==== PROVIDED INFORMATION ====
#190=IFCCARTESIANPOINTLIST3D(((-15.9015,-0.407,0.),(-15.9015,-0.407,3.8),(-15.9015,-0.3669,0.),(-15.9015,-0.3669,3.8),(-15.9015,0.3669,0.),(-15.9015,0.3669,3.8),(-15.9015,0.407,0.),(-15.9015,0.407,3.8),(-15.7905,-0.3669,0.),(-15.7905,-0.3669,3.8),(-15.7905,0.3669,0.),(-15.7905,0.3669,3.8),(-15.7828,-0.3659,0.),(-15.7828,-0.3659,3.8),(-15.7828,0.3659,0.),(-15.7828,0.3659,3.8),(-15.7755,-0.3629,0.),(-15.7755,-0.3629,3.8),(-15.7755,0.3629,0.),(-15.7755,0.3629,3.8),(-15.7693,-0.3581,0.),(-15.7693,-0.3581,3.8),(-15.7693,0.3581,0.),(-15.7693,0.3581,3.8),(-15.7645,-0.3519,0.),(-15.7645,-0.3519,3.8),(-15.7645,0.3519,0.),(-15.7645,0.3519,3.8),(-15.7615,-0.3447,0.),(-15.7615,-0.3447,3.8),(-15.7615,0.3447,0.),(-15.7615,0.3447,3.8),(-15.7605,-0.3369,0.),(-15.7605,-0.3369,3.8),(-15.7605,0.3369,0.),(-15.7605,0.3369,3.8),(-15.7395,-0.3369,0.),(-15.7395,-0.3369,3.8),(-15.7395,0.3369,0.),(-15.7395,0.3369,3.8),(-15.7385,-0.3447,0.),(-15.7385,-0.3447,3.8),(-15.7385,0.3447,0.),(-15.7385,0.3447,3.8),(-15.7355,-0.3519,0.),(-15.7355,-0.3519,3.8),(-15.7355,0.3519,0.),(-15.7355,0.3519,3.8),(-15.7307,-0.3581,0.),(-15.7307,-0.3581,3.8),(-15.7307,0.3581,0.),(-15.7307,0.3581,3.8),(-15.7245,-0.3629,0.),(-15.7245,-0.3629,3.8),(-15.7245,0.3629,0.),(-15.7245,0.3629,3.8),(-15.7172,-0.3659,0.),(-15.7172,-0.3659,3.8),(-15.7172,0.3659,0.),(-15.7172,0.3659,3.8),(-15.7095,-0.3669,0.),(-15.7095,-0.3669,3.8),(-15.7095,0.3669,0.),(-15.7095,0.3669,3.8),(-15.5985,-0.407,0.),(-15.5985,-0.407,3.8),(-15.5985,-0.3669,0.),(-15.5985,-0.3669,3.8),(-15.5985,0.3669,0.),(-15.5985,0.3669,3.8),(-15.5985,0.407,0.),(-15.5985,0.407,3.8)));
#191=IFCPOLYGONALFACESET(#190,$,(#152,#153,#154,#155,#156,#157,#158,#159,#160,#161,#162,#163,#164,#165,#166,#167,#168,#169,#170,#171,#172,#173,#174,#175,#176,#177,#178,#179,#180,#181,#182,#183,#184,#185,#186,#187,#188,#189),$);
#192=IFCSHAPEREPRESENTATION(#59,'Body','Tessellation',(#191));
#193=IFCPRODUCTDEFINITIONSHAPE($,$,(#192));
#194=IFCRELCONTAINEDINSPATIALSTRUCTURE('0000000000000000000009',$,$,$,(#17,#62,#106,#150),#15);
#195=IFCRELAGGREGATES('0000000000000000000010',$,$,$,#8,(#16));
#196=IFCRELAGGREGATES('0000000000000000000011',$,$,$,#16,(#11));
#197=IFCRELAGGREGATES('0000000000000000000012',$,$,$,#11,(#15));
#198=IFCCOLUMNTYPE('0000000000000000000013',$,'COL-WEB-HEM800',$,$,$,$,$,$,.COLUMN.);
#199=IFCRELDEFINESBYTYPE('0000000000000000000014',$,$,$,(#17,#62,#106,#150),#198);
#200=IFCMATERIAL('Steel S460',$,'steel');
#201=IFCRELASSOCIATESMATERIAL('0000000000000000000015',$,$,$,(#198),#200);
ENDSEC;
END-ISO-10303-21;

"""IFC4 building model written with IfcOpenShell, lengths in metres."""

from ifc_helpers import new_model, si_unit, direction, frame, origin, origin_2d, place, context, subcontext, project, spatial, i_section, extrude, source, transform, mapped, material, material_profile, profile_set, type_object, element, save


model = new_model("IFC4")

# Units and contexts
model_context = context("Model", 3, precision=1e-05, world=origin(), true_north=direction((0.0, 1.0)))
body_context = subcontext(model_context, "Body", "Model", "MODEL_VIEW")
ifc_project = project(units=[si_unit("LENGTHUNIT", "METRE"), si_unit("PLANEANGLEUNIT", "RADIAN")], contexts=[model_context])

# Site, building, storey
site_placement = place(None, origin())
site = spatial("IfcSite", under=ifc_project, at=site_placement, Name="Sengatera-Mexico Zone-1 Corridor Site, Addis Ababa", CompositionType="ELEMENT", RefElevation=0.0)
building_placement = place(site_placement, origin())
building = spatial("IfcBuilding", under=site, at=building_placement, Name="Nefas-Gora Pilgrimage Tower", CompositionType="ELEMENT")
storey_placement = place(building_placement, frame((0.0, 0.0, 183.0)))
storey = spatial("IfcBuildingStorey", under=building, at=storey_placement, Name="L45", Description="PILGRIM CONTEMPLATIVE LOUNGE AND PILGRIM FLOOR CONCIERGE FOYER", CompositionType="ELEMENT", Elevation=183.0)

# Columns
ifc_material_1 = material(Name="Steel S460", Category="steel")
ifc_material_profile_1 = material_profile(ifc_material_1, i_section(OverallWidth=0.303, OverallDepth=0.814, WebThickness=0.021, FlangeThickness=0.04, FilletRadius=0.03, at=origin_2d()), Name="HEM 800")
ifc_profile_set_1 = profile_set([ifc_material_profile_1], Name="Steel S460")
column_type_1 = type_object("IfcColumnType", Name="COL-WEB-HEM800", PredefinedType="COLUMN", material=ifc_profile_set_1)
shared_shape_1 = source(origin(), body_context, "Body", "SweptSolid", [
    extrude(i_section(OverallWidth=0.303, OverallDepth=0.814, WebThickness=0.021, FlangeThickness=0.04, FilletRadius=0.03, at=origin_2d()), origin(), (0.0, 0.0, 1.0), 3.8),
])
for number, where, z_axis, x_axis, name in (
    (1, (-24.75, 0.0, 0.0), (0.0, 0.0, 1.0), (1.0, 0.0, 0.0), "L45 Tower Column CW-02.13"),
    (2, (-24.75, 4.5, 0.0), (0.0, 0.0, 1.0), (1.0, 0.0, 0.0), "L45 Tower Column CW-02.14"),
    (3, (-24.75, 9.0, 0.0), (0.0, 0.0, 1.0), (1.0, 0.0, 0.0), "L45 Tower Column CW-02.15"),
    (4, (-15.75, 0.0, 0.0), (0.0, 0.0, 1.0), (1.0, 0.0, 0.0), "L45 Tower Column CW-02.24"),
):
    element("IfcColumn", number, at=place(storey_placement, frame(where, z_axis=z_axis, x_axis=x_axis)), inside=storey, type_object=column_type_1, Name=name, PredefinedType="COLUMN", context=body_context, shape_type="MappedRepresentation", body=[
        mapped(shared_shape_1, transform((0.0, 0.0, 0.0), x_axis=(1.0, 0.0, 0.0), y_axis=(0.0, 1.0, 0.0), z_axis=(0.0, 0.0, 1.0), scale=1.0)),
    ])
====
HOW TO COMPLETE THIS TASK —
Copy each line in the data that holds the word "direction".

RESPONSE —
from ifc_helpers import new_model, si_unit, direction, frame, origin, origin_2d, place, context, subcontext, project, spatial, i_section, extrude, source, transform, mapped, material, material_profile, profile_set, type_object, element, save
model_context = context("Model", 3, precision=1e-05, world=origin(), true_north=direction((0.0, 1.0)))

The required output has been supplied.